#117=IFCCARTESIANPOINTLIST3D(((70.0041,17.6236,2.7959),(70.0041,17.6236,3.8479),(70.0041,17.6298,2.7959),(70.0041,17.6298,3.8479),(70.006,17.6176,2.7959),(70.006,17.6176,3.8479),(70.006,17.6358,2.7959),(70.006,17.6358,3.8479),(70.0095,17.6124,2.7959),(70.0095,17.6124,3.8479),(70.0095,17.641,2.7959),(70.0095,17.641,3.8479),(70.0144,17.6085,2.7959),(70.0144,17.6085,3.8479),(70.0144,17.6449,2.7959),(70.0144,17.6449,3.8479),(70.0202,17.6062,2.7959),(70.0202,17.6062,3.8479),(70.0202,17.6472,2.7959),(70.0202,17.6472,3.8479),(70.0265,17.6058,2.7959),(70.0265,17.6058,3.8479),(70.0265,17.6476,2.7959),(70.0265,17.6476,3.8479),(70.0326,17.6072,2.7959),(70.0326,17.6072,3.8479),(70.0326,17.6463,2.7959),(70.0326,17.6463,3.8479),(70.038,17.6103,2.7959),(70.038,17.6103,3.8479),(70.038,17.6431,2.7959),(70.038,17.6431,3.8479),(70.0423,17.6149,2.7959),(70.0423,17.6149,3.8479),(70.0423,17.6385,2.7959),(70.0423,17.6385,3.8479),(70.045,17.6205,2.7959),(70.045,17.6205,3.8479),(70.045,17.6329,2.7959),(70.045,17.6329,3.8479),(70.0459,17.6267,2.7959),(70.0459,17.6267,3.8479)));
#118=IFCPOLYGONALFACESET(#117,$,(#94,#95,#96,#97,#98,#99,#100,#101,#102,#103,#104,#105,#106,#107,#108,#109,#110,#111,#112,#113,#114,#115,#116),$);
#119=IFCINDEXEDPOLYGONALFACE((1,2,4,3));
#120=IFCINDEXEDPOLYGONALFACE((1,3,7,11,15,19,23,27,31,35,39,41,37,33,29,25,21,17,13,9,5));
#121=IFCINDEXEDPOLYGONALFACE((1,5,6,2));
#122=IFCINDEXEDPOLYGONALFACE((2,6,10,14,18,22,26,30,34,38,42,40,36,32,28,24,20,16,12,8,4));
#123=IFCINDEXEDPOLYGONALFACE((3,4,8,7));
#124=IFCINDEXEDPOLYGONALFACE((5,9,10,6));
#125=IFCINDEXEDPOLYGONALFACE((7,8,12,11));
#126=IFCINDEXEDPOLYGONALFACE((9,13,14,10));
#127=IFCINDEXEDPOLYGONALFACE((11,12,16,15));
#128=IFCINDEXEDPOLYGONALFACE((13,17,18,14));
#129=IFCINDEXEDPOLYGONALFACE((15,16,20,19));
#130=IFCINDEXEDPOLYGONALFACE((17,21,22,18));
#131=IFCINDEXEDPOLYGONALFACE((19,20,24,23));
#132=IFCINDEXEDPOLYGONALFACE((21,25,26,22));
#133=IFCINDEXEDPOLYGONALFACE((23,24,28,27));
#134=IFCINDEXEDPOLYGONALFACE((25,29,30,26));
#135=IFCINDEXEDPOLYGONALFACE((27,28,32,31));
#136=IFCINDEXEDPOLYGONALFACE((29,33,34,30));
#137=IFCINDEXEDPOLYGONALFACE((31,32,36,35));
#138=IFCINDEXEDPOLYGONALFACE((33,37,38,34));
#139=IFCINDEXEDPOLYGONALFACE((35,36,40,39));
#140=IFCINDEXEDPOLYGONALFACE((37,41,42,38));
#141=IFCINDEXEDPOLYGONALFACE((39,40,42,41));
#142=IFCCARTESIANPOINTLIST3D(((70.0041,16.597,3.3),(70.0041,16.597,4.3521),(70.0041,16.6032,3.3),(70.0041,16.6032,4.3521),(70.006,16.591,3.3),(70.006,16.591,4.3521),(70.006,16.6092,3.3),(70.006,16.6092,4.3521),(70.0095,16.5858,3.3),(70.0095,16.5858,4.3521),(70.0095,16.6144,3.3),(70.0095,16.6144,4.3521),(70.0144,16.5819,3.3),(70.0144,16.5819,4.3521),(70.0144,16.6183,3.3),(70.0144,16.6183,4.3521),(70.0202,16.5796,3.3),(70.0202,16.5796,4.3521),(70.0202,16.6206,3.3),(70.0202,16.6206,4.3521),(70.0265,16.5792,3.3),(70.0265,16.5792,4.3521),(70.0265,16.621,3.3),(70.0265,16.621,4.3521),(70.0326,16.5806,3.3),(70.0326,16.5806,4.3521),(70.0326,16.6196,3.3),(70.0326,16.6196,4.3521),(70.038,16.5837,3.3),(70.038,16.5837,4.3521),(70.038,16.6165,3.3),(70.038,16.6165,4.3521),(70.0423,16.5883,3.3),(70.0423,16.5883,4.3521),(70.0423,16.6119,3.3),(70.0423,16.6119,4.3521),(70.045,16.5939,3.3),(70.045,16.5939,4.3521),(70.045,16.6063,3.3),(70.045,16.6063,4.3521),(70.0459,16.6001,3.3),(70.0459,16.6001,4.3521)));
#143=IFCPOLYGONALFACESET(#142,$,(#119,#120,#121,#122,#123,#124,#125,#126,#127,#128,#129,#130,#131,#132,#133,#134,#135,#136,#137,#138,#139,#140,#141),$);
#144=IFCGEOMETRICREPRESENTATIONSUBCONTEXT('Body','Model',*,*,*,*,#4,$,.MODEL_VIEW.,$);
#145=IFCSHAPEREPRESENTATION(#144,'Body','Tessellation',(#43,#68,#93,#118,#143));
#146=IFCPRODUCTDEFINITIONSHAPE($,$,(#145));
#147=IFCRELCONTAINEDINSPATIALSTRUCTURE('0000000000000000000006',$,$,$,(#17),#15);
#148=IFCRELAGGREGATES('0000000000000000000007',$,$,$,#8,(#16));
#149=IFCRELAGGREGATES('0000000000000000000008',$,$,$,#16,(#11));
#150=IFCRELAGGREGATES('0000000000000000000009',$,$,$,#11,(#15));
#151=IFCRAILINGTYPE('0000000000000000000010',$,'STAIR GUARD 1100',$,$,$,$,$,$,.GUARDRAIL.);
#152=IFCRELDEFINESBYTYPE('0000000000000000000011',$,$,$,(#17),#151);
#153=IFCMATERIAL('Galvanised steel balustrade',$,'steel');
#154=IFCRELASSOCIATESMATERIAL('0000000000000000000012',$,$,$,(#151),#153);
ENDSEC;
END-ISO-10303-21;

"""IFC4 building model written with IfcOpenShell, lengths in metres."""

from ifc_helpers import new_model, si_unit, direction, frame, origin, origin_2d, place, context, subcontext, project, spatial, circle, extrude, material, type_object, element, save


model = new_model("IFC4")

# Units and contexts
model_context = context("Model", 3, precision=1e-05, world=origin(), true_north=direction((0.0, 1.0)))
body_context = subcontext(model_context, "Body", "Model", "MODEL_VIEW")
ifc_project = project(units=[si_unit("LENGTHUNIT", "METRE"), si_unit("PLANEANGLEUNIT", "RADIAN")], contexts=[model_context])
■ ■ ■ ■ ■
- _PROBLEM_
What is needed is each line of the entries that contains the word "direction".

- _OUTPUT FOR THIS TASK_
from ifc_helpers import new_model, si_unit, direction, frame, origin, origin_2d, place, context, subcontext, project, spatial, circle, extrude, material, type_object, element, save
model_context = context("Model", 3, precision=1e-05, world=origin(), true_north=direction((0.0, 1.0)))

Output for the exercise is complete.